## Provided records
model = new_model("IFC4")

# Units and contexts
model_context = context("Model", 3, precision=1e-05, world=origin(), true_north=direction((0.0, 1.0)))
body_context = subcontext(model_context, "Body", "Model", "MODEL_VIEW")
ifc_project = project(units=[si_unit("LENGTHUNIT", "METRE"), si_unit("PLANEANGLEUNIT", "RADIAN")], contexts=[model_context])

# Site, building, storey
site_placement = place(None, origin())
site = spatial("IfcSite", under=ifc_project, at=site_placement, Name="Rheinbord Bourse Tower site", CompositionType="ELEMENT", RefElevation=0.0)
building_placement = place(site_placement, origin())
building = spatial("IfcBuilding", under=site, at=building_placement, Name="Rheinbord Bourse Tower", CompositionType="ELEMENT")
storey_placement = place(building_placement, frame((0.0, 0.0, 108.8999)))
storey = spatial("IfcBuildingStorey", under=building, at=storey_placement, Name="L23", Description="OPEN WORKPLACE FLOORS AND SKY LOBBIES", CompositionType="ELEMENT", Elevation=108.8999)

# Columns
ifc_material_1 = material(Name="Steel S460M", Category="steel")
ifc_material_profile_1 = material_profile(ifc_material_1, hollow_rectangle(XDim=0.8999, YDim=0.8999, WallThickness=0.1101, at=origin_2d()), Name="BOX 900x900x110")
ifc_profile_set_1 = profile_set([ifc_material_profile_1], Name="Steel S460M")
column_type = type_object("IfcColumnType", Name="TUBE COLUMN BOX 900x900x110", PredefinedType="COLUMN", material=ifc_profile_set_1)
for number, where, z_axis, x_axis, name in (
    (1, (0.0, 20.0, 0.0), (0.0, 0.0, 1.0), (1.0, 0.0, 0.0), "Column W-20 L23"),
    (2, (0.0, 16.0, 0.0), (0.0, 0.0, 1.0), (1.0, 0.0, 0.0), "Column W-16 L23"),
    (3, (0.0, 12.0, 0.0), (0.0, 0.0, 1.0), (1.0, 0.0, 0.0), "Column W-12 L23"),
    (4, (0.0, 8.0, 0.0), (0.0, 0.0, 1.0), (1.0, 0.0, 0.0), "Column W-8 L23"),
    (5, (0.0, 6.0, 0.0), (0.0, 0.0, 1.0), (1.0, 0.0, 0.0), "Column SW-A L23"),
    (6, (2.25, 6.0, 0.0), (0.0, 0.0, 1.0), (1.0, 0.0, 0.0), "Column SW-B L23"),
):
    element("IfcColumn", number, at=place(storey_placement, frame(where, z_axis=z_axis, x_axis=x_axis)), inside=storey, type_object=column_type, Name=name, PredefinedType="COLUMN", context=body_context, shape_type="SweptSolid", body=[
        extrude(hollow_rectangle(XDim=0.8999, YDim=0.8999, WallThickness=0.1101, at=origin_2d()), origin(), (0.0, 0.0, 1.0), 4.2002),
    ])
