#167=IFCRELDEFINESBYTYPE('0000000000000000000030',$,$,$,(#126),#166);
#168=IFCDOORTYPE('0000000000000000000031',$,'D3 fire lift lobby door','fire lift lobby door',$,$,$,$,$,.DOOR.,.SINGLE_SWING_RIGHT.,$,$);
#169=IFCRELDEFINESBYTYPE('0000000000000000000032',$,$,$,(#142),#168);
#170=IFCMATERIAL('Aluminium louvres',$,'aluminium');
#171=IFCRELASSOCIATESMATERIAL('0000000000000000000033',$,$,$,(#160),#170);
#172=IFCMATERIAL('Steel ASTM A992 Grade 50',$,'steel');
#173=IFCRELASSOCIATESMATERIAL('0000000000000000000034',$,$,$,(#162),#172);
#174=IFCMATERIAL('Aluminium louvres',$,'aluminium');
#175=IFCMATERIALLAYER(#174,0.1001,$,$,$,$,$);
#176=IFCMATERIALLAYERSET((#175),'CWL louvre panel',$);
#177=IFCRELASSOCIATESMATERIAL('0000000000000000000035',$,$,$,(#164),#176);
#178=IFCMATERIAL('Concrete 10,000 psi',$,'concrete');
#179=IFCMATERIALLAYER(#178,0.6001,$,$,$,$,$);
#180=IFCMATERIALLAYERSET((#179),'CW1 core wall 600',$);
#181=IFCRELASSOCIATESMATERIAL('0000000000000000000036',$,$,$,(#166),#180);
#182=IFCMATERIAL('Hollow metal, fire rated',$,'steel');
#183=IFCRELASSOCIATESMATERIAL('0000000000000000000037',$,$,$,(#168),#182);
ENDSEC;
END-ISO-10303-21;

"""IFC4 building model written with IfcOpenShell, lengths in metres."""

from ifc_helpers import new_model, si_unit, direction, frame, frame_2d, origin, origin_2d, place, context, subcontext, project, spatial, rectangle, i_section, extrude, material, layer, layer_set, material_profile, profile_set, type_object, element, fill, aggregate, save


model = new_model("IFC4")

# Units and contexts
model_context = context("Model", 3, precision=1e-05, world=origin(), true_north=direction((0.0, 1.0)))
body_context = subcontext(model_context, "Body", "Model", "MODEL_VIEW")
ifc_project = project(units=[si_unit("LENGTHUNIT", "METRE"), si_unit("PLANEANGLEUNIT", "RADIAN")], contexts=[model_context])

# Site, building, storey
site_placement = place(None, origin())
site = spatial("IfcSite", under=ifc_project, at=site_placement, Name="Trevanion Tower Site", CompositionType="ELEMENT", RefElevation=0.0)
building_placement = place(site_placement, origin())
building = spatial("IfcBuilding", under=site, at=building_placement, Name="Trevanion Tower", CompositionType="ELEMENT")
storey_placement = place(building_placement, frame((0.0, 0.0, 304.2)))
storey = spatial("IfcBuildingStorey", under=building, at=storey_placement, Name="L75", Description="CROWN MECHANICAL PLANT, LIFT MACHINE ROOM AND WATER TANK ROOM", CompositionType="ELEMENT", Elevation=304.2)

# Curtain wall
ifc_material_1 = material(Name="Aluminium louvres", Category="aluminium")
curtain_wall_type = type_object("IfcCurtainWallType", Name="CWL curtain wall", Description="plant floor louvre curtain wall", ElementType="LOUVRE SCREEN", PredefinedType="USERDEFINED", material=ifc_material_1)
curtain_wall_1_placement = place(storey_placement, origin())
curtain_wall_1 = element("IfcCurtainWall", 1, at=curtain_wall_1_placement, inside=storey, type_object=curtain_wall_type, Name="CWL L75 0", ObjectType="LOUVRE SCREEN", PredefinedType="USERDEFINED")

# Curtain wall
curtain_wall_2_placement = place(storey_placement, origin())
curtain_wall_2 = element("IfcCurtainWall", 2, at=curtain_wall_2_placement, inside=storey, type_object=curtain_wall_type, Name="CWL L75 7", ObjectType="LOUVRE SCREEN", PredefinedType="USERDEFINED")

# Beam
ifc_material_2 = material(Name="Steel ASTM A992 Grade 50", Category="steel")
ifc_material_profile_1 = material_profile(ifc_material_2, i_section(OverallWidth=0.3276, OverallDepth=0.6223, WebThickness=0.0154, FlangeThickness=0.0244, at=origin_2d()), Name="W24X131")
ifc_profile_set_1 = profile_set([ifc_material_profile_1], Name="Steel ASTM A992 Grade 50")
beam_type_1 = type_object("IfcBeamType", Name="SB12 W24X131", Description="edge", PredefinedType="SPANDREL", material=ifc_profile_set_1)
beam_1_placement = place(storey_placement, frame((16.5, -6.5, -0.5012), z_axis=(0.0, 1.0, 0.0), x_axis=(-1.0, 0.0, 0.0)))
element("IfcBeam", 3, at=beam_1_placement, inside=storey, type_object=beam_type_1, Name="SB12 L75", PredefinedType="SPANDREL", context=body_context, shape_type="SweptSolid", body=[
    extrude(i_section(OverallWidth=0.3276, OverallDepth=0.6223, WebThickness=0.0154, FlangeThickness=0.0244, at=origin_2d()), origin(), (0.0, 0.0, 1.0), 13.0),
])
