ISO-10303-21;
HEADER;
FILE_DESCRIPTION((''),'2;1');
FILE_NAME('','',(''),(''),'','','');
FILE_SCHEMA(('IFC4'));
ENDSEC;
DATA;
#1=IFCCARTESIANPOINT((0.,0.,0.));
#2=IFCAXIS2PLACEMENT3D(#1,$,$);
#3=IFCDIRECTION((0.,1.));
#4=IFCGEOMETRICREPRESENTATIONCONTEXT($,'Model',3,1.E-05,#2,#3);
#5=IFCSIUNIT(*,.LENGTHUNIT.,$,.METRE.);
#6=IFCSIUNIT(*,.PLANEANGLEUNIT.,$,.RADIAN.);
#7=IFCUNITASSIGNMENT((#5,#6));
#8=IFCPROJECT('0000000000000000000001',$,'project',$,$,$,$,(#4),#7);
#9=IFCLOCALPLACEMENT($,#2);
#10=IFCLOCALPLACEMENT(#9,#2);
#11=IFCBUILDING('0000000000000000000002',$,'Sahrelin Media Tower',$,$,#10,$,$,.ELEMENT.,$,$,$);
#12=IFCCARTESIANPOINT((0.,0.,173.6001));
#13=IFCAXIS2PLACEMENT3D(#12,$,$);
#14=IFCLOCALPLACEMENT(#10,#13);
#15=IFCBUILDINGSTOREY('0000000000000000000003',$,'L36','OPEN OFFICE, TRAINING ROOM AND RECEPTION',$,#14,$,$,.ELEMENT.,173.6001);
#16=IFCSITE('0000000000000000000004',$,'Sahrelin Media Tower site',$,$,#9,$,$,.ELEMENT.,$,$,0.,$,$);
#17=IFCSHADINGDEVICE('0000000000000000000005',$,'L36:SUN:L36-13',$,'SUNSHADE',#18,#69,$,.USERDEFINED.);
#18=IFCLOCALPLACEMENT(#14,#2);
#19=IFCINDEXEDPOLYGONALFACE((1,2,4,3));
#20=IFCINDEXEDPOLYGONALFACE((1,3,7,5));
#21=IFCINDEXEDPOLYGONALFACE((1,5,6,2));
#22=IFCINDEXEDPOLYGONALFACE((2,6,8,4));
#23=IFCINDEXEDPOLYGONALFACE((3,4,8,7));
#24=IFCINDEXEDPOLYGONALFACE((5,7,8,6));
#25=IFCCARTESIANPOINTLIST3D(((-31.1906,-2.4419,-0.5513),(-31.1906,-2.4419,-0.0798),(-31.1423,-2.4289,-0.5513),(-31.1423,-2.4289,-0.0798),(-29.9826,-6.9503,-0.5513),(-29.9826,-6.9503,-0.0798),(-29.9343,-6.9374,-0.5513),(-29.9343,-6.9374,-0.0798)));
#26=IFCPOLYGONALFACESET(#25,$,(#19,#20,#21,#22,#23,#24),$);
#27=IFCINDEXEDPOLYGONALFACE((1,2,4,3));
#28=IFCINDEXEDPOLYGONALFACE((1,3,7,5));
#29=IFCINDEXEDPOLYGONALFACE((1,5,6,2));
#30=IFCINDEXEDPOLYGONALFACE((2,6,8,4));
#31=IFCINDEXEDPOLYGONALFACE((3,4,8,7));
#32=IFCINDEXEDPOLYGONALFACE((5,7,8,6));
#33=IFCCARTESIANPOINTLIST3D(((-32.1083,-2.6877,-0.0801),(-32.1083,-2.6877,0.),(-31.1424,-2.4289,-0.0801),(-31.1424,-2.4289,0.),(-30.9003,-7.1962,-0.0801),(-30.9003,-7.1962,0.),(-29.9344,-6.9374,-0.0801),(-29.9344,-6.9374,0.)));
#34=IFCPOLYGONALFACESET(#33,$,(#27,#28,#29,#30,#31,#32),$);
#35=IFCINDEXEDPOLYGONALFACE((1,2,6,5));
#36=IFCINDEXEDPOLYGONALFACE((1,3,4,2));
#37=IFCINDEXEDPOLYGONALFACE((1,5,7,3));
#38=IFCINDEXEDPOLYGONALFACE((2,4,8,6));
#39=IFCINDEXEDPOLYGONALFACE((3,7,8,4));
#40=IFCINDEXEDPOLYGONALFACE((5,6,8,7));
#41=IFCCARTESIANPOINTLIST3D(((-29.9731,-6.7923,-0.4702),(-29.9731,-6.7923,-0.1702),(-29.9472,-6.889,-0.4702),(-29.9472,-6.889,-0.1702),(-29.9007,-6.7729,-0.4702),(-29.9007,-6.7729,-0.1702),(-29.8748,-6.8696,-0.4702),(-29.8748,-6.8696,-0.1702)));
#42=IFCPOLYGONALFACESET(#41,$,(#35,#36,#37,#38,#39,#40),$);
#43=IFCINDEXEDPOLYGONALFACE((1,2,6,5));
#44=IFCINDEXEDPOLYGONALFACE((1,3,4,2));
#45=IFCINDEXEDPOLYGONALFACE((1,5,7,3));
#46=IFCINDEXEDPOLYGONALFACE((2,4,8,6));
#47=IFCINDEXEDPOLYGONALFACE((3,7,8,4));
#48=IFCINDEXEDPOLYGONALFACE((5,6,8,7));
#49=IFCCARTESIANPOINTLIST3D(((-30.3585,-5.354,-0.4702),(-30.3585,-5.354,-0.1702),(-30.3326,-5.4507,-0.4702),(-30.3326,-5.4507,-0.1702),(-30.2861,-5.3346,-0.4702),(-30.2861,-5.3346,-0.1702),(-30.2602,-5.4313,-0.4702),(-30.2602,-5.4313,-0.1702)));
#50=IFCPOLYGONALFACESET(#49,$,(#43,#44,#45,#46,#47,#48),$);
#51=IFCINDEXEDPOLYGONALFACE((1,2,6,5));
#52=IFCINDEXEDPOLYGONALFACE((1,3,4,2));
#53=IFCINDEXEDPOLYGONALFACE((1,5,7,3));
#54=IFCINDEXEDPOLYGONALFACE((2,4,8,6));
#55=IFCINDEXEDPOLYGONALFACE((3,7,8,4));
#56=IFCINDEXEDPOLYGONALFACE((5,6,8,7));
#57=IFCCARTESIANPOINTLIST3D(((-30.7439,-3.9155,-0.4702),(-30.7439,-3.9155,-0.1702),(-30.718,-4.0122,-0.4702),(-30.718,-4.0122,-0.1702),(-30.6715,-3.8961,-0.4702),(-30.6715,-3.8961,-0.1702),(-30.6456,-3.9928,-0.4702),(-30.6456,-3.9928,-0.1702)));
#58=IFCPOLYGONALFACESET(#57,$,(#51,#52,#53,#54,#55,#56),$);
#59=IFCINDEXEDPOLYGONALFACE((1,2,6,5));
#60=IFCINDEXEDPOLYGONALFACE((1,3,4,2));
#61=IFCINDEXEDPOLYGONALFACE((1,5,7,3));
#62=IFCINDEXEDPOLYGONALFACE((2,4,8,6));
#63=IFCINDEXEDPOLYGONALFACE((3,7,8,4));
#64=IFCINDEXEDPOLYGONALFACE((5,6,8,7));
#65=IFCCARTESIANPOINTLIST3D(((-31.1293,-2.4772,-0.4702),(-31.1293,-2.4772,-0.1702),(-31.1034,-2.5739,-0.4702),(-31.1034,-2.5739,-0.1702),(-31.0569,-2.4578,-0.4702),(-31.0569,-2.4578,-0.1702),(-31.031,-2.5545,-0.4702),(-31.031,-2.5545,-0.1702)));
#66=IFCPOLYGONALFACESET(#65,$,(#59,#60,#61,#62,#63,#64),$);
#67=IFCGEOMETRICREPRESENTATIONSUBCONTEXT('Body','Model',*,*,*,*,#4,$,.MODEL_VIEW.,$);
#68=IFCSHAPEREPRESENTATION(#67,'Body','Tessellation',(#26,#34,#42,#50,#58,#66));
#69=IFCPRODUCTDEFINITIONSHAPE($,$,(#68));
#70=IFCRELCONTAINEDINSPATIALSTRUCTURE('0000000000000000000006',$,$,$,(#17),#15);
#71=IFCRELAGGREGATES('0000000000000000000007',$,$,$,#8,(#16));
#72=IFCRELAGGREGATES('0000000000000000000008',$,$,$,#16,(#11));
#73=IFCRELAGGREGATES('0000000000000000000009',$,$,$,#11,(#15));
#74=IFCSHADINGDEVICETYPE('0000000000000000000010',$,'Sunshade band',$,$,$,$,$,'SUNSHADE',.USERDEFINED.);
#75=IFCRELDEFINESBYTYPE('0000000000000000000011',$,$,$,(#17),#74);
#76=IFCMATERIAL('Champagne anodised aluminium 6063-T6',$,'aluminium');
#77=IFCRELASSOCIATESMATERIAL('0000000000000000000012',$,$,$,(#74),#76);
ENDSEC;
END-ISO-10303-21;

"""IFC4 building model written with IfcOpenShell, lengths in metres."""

from ifc_helpers import new_model, si_unit, direction, frame, origin, origin_2d, place, context, subcontext, project, spatial, rectangle, extrude, material, type_object, element, save


model = new_model("IFC4")

# Units and contexts
model_context = context("Model", 3, precision=1e-05, world=origin(), true_north=direction((0.0, 1.0)))
body_context = subcontext(model_context, "Body", "Model", "MODEL_VIEW")
ifc_project = project(units=[si_unit("LENGTHUNIT", "METRE"), si_unit("PLANEANGLEUNIT", "RADIAN")], contexts=[model_context])

# Site, building, storey
site_placement = place(None, origin())
site = spatial("IfcSite", under=ifc_project, at=site_placement, Name="Sahrelin Media Tower site", CompositionType="ELEMENT", RefElevation=0.0)
building_placement = place(site_placement, origin())
building = spatial("IfcBuilding", under=site, at=building_placement, Name="Sahrelin Media Tower", CompositionType="ELEMENT")
storey_placement = place(building_placement, frame((0.0, 0.0, 173.6001)))
storey = spatial("IfcBuildingStorey", under=building, at=storey_placement, Name="L36", Description="OPEN OFFICE, TRAINING ROOM AND RECEPTION", CompositionType="ELEMENT", Elevation=173.6001)

# Shared definitions
ifc_material_1 = material(Name="Champagne anodised aluminium 6063-T6", Category="aluminium")

# Shading device
placement = place(storey_placement, frame((-30.519, -4.678, 0.0), z_axis=(0.0, 0.0, 1.0), x_axis=(-0.258808, 0.965929, 0.0)))
shading_device_type_1 = type_object("IfcShadingDeviceType", Name="Sunshade band", ElementType="SUNSHADE", PredefinedType="USERDEFINED", material=ifc_material_1)
element("IfcShadingDevice", 1, at=placement, inside=storey, type_object=shading_device_type_1, Name="L36:SUN:L36-13", ObjectType="SUNSHADE", PredefinedType="USERDEFINED", context=body_context, shape_type="SweptSolid", body=[
    extrude(rectangle(XDim=4.6675, YDim=0.05, at=origin_2d()), frame((0.0, 0.0449, -0.5513)), (0.0, 0.0, 1.0), 0.4714),
    extrude(rectangle(XDim=4.6675, YDim=1.0, at=origin_2d()), frame((0.0, 0.52, -0.0801)), (0.0, 0.0, 1.0), 0.0801),
    extrude(rectangle(XDim=0.1001, YDim=0.075, at=origin_2d()), frame((-2.2336, -0.0176, -0.4702)), (0.0, 0.0, 1.0), 0.3),
    extrude(rectangle(XDim=0.1001, YDim=0.075, at=origin_2d()), frame((-0.7446, -0.0176, -0.4702)), (0.0, 0.0, 1.0), 0.3),
    extrude(rectangle(XDim=0.1001, YDim=0.075, at=origin_2d()), frame((0.7446, -0.0176, -0.4702)), (0.0, 0.0, 1.0), 0.3),
    extrude(rectangle(XDim=0.1001, YDim=0.075, at=origin_2d()), frame((2.2336, -0.0176, -0.4702)), (0.0, 0.0, 1.0), 0.3),
])

save(model, "model.ifc")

## Description of the task
From the data above, output only the lines between the line containing "FILE_SCHEMA(('IFC4'));" and the line containing "#14=IFCLOCALPLACEMENT(#10,#13);", inclusive, exactly as written.

## Worked solution
FILE_SCHEMA(('IFC4'));
ENDSEC;
DATA;
#1=IFCCARTESIANPOINT((0.,0.,0.));
#2=IFCAXIS2PLACEMENT3D(#1,$,$);
#3=IFCDIRECTION((0.,1.));
#4=IFCGEOMETRICREPRESENTATIONCONTEXT($,'Model',3,1.E-05,#2,#3);
#5=IFCSIUNIT(*,.LENGTHUNIT.,$,.METRE.);
#6=IFCSIUNIT(*,.PLANEANGLEUNIT.,$,.RADIAN.);
#7=IFCUNITASSIGNMENT((#5,#6));
#8=IFCPROJECT('0000000000000000000001',$,'project',$,$,$,$,(#4),#7);
#9=IFCLOCALPLACEMENT($,#2);
#10=IFCLOCALPLACEMENT(#9,#2);
#11=IFCBUILDING('0000000000000000000002',$,'Sahrelin Media Tower',$,$,#10,$,$,.ELEMENT.,$,$,$);
#12=IFCCARTESIANPOINT((0.,0.,173.6001));
#13=IFCAXIS2PLACEMENT3D(#12,$,$);
#14=IFCLOCALPLACEMENT(#10,#13);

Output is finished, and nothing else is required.